(Records contained in a dataset)
------------------------------------------------

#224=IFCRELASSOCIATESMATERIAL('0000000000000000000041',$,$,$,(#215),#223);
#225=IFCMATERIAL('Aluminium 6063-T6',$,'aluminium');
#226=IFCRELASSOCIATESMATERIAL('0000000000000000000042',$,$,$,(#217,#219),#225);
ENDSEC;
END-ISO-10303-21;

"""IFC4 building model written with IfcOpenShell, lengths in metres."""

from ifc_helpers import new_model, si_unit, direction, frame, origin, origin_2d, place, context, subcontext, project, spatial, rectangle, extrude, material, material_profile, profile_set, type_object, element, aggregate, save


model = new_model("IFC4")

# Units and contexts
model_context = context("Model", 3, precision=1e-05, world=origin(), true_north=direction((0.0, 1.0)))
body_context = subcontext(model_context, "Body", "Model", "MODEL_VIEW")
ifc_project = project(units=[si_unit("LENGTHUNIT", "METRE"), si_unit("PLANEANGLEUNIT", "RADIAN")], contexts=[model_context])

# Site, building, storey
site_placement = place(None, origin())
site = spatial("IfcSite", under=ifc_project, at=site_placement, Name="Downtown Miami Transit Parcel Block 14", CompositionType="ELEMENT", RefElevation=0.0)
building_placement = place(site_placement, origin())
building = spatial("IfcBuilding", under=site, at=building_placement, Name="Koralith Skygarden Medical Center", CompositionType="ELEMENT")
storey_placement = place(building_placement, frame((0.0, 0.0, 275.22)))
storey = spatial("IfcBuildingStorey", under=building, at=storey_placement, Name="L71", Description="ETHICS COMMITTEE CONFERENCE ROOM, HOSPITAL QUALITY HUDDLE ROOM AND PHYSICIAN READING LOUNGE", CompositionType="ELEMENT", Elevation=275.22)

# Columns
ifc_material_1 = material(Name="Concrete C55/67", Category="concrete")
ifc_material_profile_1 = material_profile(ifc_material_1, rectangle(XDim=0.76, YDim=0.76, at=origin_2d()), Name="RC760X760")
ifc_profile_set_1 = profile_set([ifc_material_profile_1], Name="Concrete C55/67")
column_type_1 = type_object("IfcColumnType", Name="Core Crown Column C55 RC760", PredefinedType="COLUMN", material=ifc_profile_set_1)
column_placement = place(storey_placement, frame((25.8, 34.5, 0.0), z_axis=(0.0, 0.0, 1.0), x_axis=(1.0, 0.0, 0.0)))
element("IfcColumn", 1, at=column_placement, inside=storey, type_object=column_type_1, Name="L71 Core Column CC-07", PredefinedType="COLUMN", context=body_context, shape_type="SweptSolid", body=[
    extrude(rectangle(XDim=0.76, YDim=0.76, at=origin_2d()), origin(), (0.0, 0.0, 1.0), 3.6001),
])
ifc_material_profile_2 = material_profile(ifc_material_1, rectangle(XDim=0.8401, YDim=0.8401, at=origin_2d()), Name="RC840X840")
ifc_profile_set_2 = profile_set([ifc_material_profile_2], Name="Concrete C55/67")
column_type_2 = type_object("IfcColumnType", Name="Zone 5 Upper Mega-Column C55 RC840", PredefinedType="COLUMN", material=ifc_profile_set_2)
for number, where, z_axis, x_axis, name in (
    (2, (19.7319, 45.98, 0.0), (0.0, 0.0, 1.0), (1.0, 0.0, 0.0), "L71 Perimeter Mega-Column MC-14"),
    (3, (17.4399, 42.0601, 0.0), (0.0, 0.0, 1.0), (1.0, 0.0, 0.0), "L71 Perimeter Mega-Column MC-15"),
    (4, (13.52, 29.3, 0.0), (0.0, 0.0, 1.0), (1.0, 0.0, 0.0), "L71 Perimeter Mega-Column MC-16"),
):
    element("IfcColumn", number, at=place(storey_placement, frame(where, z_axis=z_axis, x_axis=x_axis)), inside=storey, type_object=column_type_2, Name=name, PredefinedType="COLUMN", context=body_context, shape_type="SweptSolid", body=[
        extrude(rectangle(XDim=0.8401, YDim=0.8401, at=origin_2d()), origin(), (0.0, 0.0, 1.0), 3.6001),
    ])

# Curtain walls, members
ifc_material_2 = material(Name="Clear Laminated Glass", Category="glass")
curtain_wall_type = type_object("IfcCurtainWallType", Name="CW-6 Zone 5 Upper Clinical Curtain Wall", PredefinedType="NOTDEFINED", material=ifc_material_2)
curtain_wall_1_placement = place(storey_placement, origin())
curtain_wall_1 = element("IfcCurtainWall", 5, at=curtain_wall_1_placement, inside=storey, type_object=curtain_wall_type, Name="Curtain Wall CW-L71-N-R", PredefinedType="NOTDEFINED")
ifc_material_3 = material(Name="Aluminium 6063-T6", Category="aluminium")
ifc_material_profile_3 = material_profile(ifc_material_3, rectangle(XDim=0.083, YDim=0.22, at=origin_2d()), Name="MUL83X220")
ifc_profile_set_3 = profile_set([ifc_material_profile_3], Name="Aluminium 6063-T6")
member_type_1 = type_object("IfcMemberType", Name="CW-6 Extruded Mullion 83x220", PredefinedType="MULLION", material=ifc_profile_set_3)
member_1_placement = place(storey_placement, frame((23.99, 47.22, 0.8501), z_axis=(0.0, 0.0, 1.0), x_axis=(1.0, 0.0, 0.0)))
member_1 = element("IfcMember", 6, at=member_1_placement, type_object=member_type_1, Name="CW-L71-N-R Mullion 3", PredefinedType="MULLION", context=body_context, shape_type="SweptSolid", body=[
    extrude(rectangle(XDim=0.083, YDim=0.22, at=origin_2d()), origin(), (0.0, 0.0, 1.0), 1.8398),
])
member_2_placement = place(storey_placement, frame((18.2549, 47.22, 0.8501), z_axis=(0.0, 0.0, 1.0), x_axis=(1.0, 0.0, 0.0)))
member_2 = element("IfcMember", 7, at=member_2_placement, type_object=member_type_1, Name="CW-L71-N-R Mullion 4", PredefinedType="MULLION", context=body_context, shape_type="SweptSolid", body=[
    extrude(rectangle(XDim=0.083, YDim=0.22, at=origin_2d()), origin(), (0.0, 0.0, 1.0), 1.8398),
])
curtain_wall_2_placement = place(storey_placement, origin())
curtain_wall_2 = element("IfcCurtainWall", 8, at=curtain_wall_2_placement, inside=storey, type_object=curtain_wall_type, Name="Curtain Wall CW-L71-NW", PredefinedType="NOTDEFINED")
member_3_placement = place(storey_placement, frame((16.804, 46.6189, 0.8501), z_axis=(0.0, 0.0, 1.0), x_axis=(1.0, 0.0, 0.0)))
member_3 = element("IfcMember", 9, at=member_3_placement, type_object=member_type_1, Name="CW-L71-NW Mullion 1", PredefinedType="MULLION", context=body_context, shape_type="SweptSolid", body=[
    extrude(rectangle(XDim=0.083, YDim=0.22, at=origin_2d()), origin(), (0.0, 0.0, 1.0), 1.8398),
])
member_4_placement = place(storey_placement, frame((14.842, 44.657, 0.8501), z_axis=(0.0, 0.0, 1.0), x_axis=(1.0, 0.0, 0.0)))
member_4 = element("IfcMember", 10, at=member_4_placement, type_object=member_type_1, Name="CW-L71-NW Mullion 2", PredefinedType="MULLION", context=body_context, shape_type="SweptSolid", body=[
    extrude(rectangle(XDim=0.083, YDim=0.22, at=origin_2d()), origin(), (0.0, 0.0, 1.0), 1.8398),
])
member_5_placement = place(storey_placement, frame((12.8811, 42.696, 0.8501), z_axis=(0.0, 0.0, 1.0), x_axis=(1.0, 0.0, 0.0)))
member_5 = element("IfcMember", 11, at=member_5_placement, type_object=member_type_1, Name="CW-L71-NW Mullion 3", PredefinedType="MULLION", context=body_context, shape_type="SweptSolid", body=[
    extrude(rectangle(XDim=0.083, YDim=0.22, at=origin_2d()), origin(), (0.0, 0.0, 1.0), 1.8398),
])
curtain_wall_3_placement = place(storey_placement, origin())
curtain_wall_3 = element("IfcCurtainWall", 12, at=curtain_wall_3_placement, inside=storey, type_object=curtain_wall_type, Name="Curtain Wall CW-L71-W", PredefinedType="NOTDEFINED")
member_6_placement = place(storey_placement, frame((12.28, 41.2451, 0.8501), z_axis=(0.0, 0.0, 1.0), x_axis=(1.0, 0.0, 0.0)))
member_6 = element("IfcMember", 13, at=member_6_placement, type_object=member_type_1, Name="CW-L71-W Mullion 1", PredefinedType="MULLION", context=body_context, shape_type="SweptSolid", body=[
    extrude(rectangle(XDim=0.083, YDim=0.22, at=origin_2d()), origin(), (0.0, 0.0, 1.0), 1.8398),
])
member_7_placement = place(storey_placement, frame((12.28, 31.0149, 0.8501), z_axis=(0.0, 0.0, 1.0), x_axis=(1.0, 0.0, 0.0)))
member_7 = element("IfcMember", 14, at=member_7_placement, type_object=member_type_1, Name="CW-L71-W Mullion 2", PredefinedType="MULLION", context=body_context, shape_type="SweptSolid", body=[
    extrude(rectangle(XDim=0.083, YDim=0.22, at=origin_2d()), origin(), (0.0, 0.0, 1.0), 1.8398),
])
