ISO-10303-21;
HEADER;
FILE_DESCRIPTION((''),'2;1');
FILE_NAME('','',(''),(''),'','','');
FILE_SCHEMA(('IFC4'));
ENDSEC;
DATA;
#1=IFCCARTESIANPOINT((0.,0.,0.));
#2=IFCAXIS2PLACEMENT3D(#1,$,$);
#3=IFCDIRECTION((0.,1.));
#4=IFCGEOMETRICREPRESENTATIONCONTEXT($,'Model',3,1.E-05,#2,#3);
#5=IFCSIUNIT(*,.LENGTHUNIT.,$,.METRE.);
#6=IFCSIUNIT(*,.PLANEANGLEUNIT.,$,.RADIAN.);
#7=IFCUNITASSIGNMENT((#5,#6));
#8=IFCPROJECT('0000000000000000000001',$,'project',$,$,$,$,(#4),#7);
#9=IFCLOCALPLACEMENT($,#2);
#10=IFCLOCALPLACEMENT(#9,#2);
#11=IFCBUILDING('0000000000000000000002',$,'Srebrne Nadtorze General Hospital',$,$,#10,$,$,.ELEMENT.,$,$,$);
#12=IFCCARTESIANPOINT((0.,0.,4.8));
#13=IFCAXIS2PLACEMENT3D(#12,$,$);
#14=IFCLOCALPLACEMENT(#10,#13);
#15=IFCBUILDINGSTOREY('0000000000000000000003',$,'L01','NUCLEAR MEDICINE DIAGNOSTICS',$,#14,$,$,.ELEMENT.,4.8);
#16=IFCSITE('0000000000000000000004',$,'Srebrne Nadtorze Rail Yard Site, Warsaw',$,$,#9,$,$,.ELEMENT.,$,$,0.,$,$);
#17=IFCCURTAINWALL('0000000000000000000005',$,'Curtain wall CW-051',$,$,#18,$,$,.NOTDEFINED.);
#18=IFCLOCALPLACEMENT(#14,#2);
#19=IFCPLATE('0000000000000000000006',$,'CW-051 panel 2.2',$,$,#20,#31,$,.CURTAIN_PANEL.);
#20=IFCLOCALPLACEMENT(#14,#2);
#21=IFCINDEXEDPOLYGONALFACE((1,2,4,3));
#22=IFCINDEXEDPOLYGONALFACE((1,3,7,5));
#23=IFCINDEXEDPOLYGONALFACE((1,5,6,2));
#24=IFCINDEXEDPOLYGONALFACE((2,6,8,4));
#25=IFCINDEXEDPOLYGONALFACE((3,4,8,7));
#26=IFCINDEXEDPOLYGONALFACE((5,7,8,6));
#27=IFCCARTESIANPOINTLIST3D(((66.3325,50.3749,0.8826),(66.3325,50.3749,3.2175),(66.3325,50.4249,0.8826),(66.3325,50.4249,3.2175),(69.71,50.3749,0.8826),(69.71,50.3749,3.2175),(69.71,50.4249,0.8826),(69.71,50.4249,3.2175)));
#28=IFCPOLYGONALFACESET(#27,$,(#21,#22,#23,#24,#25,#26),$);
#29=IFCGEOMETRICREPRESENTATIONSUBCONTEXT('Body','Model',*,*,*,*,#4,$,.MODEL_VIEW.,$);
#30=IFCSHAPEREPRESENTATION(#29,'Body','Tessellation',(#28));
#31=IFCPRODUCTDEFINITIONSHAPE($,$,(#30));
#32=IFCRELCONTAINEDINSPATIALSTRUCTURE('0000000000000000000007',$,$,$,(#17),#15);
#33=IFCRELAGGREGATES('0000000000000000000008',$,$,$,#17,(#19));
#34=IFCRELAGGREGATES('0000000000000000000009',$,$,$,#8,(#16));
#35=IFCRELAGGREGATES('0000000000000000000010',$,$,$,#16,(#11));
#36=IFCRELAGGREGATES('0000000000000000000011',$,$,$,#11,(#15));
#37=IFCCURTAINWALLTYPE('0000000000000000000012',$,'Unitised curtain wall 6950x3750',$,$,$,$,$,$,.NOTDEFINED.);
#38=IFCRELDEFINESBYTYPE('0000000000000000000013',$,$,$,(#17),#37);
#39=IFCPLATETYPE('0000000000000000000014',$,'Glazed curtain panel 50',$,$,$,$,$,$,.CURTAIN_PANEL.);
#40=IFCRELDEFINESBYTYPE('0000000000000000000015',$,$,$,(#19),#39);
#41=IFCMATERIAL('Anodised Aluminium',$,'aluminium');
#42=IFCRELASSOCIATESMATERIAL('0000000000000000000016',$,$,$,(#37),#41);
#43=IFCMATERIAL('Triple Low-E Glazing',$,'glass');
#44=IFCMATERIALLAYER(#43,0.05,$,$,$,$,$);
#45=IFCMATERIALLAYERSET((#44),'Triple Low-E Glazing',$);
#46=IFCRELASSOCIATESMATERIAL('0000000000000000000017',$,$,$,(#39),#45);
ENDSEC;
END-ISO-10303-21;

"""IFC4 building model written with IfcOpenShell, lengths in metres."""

from ifc_helpers import new_model, si_unit, direction, frame, origin, origin_2d, place, context, subcontext, project, spatial, rectangle, extrude, material, layer, layer_set, type_object, element, aggregate, save


model = new_model("IFC4")

# Units and contexts
model_context = context("Model", 3, precision=1e-05, world=origin(), true_north=direction((0.0, 1.0)))
body_context = subcontext(model_context, "Body", "Model", "MODEL_VIEW")
ifc_project = project(units=[si_unit("LENGTHUNIT", "METRE"), si_unit("PLANEANGLEUNIT", "RADIAN")], contexts=[model_context])

# Site, building, storey
site_placement = place(None, origin())
site = spatial("IfcSite", under=ifc_project, at=site_placement, Name="Srebrne Nadtorze Rail Yard Site, Warsaw", CompositionType="ELEMENT", RefElevation=0.0)
building_placement = place(site_placement, origin())
building = spatial("IfcBuilding", under=site, at=building_placement, Name="Srebrne Nadtorze General Hospital", CompositionType="ELEMENT")
storey_placement = place(building_placement, frame((0.0, 0.0, 4.8)))
storey = spatial("IfcBuildingStorey", under=building, at=storey_placement, Name="L01", Description="NUCLEAR MEDICINE DIAGNOSTICS", CompositionType="ELEMENT", Elevation=4.8)

# Curtain wall
ifc_material_1 = material(Name="Anodised Aluminium", Category="aluminium")
curtain_wall_type_1 = type_object("IfcCurtainWallType", Name="Unitised curtain wall 6950x3750", PredefinedType="NOTDEFINED", material=ifc_material_1)
curtain_wall_1_placement = place(storey_placement, origin())
curtain_wall_1 = element("IfcCurtainWall", 1, at=curtain_wall_1_placement, inside=storey, type_object=curtain_wall_type_1, Name="Curtain wall CW-051", PredefinedType="NOTDEFINED")

# Plate
ifc_material_2 = material(Name="Triple Low-E Glazing", Category="glass")
ifc_layer = layer(ifc_material_2, 0.05)
ifc_layer_set = layer_set([ifc_layer], Name="Triple Low-E Glazing")
plate_type = type_object("IfcPlateType", Name="Glazed curtain panel 50", PredefinedType="CURTAIN_PANEL", material=ifc_layer_set)
plate_1_placement = place(storey_placement, frame((68.0212, 50.3999, 0.8826), z_axis=(0.0, 0.0, 1.0), x_axis=(1.0, 0.0, 0.0)))
plate_1 = element("IfcPlate", 2, at=plate_1_placement, type_object=plate_type, Name="CW-051 panel 2.2", PredefinedType="CURTAIN_PANEL", context=body_context, shape_type="SweptSolid", body=[
    extrude(rectangle(XDim=3.3774, YDim=0.05, at=origin_2d()), origin(), (0.0, 0.0, 1.0), 2.335),
])
aggregate(curtain_wall_1, [plate_1])

save(model, "model.ifc")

------------------------------------------------

_Task description_
In the entries above, find each line with the word "IFCLOCALPLACEMENT" and show it.

_Task output_
#9=IFCLOCALPLACEMENT($,#2);
#10=IFCLOCALPLACEMENT(#9,#2);
#14=IFCLOCALPLACEMENT(#10,#13);
#18=IFCLOCALPLACEMENT(#14,#2);
#20=IFCLOCALPLACEMENT(#14,#2);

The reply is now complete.